* Exercise details:
In the entries below, tally the lines that contain the string "IFCINDEXEDPOLYGONALFACEWITHVOIDS", then state that number alone.

* Dataset entries:
————————
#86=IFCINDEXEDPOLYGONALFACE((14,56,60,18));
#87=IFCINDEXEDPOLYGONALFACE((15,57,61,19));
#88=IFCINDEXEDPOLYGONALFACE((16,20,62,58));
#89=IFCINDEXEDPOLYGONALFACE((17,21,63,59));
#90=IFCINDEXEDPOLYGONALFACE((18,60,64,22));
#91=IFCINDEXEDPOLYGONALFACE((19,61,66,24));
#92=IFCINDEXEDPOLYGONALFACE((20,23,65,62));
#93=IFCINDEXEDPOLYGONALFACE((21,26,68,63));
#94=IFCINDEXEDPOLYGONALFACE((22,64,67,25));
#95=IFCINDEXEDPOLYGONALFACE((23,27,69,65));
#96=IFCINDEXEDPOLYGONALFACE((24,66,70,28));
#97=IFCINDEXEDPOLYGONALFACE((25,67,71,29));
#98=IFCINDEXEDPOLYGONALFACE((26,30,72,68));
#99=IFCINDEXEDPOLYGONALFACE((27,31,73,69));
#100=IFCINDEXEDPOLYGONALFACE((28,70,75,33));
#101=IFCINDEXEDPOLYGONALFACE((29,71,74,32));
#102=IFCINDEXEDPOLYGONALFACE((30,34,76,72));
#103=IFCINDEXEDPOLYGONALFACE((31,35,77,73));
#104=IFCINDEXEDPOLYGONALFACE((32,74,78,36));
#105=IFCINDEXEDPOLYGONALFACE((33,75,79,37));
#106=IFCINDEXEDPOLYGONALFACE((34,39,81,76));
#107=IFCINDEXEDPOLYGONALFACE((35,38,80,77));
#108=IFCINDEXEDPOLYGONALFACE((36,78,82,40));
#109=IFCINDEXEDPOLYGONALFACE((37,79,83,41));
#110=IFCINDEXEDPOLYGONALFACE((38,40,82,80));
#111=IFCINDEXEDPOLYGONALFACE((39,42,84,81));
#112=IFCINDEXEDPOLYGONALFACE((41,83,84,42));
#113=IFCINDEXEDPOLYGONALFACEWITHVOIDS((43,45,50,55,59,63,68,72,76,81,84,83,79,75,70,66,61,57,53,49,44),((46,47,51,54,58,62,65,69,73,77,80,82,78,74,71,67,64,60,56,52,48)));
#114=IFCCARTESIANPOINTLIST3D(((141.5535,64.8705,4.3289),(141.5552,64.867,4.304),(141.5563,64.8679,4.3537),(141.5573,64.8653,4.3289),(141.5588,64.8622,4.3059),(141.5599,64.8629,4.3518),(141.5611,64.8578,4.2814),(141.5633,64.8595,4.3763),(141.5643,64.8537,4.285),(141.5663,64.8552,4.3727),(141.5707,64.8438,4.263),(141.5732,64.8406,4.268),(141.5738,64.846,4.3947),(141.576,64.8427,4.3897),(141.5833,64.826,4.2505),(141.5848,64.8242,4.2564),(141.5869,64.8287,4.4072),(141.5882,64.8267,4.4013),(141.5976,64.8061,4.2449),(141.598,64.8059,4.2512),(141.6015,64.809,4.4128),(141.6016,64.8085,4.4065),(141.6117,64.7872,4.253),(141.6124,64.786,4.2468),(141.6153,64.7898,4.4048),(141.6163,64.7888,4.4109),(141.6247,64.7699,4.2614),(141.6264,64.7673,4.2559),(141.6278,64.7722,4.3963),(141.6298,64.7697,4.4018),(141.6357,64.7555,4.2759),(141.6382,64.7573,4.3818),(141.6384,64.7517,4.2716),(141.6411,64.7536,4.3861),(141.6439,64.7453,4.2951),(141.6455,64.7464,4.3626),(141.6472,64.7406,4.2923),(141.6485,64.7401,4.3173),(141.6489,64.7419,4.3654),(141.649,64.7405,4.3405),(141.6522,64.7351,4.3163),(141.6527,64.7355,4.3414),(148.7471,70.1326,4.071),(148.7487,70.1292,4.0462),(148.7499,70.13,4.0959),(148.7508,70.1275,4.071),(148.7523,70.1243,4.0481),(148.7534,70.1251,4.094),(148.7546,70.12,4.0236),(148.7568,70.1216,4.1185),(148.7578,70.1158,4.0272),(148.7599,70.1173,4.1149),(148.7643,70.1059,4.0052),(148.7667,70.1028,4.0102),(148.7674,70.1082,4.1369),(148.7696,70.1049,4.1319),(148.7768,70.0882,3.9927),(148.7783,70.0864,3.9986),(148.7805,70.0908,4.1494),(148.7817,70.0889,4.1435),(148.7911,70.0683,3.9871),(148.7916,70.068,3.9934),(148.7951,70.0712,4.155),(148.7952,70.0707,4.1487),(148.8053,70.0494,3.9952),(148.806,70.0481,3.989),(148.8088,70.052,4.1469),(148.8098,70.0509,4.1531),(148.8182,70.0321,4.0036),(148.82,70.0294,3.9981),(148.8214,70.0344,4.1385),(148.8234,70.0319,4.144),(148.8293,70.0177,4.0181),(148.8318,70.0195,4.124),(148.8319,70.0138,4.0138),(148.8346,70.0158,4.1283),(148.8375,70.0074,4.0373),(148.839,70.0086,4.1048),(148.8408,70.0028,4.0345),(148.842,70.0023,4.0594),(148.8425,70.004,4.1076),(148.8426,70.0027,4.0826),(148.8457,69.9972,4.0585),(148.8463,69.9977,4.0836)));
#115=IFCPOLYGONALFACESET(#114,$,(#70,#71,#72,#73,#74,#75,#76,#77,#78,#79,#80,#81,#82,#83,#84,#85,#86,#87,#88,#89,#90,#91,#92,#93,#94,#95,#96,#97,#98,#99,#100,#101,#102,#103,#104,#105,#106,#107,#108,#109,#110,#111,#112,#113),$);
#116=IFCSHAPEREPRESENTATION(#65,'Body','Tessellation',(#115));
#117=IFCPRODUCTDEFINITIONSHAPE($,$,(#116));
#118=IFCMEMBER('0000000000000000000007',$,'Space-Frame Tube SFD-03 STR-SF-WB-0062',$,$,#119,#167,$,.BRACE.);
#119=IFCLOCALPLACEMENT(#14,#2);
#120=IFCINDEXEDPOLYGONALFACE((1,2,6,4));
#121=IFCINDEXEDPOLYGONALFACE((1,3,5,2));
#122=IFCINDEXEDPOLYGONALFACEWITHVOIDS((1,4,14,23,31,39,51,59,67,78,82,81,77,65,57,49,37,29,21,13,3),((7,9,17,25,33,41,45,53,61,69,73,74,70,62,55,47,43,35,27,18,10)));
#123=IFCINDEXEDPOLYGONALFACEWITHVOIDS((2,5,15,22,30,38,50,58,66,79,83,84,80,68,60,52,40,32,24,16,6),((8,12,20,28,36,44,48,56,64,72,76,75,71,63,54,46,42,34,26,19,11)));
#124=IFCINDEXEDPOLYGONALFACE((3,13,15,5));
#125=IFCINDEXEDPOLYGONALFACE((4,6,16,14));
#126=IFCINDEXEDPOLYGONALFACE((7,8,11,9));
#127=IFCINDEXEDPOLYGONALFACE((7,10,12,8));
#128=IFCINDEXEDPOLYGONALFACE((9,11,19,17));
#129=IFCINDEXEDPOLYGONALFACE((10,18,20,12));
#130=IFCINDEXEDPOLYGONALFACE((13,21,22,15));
————————
* Answer section:
3